Start of PROVIDED DATA
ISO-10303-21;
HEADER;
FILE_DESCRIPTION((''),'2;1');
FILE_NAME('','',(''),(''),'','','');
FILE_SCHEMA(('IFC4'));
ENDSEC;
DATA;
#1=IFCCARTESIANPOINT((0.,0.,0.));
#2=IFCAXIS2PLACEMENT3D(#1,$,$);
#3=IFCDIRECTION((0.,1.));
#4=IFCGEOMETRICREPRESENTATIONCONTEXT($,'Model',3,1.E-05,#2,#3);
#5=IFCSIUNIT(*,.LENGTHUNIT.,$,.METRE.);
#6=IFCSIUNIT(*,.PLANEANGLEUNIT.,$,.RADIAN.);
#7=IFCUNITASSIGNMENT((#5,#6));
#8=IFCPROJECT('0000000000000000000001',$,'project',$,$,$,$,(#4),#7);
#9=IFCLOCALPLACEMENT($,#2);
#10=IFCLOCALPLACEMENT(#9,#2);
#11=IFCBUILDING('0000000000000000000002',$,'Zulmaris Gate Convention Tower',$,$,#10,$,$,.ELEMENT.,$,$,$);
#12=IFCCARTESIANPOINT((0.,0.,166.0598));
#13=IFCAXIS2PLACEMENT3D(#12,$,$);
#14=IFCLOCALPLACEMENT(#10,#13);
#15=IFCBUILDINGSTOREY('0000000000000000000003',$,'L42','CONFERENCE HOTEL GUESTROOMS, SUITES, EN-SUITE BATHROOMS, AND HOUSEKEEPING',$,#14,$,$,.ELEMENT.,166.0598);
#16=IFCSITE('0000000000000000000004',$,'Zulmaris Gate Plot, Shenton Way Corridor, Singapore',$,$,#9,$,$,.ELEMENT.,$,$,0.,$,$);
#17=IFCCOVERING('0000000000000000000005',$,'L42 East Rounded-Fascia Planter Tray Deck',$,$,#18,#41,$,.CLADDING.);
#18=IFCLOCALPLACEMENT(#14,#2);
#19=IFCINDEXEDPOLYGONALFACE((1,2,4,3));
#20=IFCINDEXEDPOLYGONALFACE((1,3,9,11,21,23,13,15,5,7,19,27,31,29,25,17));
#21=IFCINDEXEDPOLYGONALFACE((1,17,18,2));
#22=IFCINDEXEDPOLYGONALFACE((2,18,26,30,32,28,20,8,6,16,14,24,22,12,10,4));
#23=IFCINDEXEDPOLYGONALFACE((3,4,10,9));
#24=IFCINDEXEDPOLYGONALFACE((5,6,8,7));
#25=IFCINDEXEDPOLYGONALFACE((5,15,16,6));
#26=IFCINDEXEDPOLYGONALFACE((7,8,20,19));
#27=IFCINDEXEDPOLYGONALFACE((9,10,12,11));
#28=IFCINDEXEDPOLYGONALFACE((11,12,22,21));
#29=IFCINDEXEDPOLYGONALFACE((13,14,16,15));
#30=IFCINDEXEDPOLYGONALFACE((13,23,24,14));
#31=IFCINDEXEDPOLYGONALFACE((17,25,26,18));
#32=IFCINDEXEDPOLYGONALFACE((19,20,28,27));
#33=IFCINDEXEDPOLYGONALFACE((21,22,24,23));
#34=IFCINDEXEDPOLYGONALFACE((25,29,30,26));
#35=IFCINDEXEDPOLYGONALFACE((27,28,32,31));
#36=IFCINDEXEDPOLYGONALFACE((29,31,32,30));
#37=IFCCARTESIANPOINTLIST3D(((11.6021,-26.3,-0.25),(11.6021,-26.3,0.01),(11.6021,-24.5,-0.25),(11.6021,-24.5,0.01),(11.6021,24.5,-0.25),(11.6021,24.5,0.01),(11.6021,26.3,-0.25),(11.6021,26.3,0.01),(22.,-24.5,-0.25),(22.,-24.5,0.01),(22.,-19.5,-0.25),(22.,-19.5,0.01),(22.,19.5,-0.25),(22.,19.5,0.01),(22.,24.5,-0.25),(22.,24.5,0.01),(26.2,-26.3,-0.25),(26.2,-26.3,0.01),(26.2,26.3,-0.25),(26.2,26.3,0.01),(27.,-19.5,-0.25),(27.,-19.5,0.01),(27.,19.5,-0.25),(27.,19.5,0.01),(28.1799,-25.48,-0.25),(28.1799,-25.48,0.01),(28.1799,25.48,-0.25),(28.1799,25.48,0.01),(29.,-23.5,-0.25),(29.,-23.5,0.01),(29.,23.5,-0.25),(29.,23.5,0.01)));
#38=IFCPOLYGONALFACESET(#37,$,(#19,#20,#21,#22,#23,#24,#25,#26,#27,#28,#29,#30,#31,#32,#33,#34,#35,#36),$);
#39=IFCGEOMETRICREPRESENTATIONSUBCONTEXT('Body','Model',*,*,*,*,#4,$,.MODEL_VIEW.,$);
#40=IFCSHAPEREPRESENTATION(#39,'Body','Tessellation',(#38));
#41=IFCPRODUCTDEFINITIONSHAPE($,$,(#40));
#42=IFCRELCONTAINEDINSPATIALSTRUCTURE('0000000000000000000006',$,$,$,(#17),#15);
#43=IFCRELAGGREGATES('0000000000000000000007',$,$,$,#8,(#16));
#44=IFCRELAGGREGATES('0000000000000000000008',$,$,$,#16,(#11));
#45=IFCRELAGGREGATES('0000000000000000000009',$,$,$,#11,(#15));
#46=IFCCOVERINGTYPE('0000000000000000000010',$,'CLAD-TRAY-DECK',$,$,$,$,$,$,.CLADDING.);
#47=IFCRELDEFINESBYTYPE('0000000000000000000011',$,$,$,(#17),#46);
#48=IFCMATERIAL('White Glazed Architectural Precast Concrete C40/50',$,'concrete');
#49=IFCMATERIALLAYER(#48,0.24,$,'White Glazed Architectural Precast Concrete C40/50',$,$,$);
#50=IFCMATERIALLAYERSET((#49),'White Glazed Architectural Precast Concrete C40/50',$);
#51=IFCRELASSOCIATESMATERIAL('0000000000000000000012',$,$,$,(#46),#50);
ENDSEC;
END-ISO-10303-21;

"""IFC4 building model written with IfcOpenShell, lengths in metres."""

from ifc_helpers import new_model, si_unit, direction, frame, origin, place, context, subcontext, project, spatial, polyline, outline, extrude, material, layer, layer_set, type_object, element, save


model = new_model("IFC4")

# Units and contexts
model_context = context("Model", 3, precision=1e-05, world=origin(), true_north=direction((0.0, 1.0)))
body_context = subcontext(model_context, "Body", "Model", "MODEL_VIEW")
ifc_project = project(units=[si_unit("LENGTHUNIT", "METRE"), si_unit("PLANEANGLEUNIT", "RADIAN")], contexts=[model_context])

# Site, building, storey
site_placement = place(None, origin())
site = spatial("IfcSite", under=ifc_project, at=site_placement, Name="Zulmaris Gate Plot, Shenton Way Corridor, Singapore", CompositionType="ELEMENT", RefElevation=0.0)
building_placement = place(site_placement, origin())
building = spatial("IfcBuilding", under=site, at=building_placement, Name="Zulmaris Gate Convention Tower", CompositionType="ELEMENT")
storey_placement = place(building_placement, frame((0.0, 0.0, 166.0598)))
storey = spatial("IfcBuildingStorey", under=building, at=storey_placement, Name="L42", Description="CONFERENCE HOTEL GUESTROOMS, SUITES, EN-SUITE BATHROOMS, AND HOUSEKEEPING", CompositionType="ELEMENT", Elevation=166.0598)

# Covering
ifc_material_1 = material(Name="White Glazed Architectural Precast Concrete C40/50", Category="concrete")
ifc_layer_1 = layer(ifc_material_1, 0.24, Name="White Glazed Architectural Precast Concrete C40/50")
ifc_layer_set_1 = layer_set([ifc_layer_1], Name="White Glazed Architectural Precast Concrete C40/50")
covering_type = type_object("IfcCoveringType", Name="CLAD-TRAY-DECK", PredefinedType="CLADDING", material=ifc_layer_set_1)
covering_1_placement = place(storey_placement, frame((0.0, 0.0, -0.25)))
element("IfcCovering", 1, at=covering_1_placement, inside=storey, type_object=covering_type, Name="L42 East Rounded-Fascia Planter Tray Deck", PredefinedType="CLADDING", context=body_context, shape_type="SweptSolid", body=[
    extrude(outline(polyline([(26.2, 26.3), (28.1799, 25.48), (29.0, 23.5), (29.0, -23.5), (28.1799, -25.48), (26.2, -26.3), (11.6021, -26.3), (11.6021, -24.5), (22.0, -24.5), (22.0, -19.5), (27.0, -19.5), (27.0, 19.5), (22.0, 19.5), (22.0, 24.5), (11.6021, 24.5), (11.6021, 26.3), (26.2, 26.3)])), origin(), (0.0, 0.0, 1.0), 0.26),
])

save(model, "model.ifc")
End of PROVIDED DATA
Start of PROVIDED DATA
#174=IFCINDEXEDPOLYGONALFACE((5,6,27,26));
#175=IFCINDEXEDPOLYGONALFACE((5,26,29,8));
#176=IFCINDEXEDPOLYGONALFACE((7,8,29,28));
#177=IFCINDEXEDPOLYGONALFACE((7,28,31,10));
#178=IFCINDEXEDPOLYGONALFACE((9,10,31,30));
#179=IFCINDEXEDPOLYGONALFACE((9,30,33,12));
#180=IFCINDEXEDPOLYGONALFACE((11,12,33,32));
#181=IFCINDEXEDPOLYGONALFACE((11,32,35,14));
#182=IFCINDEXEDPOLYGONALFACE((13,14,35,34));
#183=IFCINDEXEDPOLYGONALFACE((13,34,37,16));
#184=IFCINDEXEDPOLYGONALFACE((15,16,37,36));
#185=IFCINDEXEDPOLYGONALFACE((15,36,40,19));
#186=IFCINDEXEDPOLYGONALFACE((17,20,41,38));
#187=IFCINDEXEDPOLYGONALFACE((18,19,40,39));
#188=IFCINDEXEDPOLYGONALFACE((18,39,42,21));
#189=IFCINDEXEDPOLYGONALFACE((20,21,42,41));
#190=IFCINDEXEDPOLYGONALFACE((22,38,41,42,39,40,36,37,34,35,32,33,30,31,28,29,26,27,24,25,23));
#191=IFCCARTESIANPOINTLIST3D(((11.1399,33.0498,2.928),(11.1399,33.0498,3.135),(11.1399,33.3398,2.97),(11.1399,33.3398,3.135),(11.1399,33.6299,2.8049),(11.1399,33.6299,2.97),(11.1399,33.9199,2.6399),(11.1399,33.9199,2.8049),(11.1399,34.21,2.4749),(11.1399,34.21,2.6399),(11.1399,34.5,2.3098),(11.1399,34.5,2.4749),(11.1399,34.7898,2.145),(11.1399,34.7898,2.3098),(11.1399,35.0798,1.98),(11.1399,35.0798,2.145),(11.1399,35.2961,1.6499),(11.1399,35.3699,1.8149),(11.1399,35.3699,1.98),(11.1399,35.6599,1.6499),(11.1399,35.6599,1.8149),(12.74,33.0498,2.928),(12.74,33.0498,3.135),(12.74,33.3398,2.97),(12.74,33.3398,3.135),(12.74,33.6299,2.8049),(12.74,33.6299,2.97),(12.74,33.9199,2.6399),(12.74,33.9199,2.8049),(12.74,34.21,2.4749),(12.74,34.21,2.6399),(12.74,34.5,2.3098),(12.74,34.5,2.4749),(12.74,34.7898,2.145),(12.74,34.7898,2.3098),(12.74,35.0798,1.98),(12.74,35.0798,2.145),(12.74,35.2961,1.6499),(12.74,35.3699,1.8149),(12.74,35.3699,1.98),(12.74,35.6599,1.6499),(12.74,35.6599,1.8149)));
End of PROVIDED DATA
Start of PROVIDED DATA
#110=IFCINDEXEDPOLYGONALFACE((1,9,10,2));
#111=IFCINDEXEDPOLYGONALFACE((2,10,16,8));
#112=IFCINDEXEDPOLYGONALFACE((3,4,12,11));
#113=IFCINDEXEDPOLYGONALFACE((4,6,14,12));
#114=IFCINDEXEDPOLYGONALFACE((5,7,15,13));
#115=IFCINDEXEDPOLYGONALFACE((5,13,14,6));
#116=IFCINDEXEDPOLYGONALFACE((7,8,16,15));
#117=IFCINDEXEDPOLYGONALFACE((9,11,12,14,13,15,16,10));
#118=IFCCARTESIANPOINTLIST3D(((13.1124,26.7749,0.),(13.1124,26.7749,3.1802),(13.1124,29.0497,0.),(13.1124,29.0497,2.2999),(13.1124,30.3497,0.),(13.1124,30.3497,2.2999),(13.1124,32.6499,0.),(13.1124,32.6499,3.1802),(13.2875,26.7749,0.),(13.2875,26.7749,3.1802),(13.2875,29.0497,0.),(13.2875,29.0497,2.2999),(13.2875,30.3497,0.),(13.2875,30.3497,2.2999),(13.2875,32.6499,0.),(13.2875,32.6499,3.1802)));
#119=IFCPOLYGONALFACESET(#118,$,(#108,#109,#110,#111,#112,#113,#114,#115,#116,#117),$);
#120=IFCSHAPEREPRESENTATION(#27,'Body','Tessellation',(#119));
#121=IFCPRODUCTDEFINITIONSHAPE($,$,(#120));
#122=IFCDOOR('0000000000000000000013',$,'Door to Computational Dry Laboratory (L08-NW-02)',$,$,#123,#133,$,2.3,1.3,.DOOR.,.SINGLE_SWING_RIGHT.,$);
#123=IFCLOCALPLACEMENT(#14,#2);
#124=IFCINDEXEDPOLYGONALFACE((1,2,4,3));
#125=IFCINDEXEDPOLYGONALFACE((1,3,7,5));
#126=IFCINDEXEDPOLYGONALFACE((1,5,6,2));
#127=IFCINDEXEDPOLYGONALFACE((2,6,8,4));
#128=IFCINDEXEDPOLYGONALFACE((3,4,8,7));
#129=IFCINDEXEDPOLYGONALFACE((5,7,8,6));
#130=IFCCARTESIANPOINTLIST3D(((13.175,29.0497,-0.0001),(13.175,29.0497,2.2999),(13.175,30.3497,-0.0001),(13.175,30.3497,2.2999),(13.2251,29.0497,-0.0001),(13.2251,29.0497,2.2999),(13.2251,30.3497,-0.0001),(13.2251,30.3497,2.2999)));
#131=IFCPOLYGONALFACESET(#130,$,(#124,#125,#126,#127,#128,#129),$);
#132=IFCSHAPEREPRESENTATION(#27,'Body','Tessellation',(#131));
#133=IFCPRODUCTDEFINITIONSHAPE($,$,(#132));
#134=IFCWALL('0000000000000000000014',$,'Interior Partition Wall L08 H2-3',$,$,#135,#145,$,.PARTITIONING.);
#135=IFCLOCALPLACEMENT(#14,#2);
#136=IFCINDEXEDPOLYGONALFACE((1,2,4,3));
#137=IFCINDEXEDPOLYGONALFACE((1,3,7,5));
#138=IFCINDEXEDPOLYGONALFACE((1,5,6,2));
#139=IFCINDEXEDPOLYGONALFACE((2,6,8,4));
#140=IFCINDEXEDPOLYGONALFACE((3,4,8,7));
End of PROVIDED DATA
*YOUR TASK*: Reproduce only the lines above spanning from the line containing "#32=IFCINDEXEDPOLYGONALFACE((19,20,28,27));" through the line containing "#36=IFCINDEXEDPOLYGONALFACE((29,31,32,30));", word for word.

*RESULT OF THIS EXERCISE*:
#32=IFCINDEXEDPOLYGONALFACE((19,20,28,27));
#33=IFCINDEXEDPOLYGONALFACE((21,22,24,23));
#34=IFCINDEXEDPOLYGONALFACE((25,29,30,26));
#35=IFCINDEXEDPOLYGONALFACE((27,28,32,31));
#36=IFCINDEXEDPOLYGONALFACE((29,31,32,30));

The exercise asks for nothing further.